In the data below, which lines hold the word "SLAB"? Copy them.

Segment Start: Record extracts

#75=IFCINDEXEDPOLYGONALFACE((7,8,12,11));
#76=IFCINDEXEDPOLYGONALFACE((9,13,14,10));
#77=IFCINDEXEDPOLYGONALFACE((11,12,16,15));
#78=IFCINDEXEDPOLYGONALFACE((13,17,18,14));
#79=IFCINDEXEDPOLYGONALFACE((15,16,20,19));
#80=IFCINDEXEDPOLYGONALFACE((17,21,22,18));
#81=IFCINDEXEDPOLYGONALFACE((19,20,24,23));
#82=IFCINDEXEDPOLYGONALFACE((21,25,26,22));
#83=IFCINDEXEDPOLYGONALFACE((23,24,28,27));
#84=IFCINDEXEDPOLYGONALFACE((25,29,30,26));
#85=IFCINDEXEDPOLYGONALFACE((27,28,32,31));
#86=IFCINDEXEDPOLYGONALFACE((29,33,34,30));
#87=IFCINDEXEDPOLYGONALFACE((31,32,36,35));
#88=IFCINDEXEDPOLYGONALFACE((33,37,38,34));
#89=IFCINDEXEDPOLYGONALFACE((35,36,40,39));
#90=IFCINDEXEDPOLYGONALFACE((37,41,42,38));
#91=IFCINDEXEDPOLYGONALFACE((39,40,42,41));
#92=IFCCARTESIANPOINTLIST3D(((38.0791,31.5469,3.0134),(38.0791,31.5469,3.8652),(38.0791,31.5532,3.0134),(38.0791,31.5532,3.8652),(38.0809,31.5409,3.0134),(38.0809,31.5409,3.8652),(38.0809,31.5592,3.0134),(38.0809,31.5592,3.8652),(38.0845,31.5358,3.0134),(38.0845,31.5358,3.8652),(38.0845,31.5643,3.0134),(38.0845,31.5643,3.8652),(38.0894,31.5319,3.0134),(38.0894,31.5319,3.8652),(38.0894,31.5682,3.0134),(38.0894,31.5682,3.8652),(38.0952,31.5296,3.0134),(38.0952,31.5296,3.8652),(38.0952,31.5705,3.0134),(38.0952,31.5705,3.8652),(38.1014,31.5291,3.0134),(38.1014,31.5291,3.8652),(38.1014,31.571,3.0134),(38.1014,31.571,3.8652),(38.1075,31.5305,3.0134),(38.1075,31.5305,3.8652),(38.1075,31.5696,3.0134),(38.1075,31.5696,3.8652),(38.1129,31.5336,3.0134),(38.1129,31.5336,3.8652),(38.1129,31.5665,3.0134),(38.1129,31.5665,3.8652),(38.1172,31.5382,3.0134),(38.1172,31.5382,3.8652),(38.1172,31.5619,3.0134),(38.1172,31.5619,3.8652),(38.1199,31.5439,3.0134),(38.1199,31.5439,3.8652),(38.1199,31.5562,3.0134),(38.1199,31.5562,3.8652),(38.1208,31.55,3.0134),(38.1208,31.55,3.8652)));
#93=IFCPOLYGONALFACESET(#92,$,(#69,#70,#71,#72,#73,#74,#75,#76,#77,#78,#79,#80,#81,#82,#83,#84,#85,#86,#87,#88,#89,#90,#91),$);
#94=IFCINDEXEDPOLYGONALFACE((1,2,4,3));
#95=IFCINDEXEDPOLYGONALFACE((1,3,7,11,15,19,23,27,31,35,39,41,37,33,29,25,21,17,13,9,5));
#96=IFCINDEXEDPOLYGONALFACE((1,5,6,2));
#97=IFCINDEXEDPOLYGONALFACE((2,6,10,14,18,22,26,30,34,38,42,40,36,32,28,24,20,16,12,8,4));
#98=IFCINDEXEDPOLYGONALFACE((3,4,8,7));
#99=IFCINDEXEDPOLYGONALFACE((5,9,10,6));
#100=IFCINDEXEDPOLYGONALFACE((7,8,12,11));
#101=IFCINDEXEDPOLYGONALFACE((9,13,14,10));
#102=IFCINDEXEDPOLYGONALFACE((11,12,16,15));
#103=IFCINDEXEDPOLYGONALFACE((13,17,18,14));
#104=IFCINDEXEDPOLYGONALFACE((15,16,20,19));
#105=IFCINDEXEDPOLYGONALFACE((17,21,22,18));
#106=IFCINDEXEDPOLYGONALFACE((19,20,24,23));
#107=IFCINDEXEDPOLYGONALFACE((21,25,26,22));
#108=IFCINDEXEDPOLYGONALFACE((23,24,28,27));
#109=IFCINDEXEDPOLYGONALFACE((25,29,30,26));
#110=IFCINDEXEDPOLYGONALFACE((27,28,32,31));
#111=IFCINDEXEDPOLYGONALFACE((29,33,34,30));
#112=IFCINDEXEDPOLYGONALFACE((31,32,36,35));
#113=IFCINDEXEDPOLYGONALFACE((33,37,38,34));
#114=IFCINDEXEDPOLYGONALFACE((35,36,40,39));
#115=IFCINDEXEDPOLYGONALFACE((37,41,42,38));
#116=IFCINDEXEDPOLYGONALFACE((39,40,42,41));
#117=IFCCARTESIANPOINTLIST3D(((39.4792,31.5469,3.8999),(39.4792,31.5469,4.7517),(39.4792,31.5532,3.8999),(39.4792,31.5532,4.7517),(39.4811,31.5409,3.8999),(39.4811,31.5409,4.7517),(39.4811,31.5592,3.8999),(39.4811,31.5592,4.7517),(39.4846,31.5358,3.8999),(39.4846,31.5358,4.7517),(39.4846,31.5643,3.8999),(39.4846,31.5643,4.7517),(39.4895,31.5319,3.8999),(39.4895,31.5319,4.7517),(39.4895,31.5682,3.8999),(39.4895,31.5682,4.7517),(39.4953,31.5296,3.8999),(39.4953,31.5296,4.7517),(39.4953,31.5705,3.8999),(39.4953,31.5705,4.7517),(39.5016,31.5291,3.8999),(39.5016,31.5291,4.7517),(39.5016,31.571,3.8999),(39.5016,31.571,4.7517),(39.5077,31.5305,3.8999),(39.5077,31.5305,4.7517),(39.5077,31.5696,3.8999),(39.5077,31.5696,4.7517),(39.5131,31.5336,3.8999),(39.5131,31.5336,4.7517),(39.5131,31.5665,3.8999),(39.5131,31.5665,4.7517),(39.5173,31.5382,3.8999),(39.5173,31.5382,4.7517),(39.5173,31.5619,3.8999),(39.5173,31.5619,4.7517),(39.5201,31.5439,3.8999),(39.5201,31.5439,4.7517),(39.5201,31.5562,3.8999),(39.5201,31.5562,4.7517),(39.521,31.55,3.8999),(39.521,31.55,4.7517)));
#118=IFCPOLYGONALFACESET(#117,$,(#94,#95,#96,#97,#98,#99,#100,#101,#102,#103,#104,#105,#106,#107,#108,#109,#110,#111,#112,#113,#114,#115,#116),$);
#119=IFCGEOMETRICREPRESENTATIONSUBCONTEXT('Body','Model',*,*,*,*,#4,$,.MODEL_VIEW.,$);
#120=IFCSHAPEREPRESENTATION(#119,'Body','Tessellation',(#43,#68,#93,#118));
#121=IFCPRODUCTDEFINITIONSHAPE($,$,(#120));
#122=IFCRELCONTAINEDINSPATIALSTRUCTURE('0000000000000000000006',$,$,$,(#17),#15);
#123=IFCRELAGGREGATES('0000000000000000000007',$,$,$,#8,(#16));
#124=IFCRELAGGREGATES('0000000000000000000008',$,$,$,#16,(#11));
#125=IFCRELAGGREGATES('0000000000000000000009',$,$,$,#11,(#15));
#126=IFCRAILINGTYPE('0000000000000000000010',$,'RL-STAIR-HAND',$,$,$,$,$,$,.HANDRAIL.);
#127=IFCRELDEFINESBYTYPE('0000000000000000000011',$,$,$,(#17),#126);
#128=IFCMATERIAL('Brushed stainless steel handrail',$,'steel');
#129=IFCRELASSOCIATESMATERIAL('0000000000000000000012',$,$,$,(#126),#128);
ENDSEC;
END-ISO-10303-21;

Segment End: Record extracts
Segment Start: Record extracts

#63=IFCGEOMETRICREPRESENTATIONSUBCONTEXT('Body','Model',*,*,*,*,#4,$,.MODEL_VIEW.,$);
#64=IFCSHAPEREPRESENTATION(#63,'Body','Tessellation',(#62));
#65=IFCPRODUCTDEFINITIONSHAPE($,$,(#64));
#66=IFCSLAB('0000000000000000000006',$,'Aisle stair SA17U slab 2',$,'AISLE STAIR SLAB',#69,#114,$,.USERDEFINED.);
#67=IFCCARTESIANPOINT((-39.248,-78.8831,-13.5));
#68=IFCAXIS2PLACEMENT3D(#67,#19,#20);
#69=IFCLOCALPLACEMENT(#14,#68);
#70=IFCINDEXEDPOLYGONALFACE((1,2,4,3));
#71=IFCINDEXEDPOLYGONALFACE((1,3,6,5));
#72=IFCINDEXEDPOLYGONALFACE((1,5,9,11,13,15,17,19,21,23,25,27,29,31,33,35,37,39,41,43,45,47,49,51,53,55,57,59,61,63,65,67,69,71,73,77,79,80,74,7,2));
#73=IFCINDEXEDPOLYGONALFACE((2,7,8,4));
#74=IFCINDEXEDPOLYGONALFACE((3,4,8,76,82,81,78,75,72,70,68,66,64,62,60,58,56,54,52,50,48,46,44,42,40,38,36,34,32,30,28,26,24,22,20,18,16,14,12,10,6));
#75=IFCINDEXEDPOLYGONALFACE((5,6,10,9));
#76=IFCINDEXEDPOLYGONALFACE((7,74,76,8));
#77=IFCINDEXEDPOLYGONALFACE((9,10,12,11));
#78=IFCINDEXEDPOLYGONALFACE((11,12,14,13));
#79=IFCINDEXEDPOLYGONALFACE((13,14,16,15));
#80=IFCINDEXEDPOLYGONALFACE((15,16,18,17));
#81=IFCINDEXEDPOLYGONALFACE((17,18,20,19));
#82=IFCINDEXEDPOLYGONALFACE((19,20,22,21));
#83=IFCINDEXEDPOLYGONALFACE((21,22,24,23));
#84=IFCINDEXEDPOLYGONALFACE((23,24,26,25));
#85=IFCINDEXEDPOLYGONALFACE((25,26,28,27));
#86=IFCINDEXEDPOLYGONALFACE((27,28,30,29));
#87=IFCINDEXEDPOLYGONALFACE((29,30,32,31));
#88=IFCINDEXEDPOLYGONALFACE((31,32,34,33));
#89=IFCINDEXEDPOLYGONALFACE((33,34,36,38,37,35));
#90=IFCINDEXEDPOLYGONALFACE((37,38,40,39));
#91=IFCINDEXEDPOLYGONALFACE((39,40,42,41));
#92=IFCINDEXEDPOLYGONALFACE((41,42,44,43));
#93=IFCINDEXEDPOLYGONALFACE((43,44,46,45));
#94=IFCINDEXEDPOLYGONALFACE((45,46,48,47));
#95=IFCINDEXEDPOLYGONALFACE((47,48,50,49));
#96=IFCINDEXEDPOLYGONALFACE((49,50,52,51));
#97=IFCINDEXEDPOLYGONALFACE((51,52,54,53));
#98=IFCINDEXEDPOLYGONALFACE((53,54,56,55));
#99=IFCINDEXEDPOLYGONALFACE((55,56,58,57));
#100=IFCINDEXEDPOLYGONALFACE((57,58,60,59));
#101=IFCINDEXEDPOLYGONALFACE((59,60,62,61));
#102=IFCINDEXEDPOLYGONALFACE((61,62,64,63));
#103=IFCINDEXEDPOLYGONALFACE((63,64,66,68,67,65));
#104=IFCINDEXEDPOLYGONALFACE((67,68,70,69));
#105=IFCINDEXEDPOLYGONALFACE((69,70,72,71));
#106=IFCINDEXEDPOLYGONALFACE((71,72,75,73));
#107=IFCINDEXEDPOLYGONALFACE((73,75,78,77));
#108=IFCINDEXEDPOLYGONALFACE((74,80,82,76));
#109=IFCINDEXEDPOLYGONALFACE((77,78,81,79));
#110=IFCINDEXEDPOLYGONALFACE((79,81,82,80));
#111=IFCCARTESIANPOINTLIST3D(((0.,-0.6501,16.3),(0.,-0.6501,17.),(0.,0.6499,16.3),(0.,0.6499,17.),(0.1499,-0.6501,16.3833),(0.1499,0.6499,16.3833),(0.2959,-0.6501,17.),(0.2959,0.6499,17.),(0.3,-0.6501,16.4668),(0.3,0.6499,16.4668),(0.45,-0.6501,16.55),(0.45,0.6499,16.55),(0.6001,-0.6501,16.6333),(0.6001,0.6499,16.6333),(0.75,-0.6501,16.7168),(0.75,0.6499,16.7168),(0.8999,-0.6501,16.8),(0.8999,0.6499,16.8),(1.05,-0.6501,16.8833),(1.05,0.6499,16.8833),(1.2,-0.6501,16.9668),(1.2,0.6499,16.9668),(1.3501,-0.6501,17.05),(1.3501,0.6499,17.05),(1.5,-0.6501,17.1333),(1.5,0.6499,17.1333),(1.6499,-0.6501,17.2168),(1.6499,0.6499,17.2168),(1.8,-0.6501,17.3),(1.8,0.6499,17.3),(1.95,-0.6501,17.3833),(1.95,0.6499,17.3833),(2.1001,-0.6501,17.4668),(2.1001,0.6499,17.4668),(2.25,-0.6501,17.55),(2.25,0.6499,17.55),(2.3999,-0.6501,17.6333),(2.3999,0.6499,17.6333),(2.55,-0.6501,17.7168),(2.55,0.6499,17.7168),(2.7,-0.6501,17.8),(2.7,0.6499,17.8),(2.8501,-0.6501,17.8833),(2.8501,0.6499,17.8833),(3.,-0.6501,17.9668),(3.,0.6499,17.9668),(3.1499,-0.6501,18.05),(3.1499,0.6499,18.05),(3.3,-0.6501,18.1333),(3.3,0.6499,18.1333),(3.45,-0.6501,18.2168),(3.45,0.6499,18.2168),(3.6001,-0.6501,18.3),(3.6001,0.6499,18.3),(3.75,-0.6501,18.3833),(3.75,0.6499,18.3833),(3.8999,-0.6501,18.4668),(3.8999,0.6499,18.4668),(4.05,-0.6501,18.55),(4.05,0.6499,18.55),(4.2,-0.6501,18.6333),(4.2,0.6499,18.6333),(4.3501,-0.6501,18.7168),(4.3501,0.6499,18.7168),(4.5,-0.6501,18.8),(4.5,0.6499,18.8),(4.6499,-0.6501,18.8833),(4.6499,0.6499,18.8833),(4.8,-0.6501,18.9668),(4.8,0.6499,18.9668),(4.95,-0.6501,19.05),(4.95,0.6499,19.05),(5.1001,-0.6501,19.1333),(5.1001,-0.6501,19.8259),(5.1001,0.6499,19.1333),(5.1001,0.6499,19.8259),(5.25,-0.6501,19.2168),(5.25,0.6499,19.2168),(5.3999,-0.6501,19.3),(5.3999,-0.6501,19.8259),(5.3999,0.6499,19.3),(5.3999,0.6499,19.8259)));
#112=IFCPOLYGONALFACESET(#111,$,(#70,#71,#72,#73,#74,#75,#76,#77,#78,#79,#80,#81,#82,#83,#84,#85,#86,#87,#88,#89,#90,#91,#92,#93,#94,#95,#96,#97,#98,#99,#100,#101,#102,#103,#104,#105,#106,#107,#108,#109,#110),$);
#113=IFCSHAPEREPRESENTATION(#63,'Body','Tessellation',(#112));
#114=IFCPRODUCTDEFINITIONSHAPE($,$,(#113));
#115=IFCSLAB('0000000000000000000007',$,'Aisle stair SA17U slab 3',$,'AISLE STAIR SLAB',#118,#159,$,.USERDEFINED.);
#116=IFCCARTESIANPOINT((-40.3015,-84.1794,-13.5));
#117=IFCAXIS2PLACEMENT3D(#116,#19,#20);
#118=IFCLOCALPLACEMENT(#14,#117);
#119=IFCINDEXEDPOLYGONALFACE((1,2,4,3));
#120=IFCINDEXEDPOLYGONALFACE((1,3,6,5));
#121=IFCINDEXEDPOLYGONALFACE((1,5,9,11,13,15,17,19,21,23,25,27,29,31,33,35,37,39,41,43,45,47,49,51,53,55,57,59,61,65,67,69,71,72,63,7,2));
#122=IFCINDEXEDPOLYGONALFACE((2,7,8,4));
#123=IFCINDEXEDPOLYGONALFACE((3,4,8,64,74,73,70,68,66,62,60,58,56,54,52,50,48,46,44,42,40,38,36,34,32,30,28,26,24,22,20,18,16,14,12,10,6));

Segment End: Record extracts

*Reply:*
#66=IFCSLAB('0000000000000000000006',$,'Aisle stair SA17U slab 2',$,'AISLE STAIR SLAB',#69,#114,$,.USERDEFINED.);
#115=IFCSLAB('0000000000000000000007',$,'Aisle stair SA17U slab 3',$,'AISLE STAIR SLAB',#118,#159,$,.USERDEFINED.);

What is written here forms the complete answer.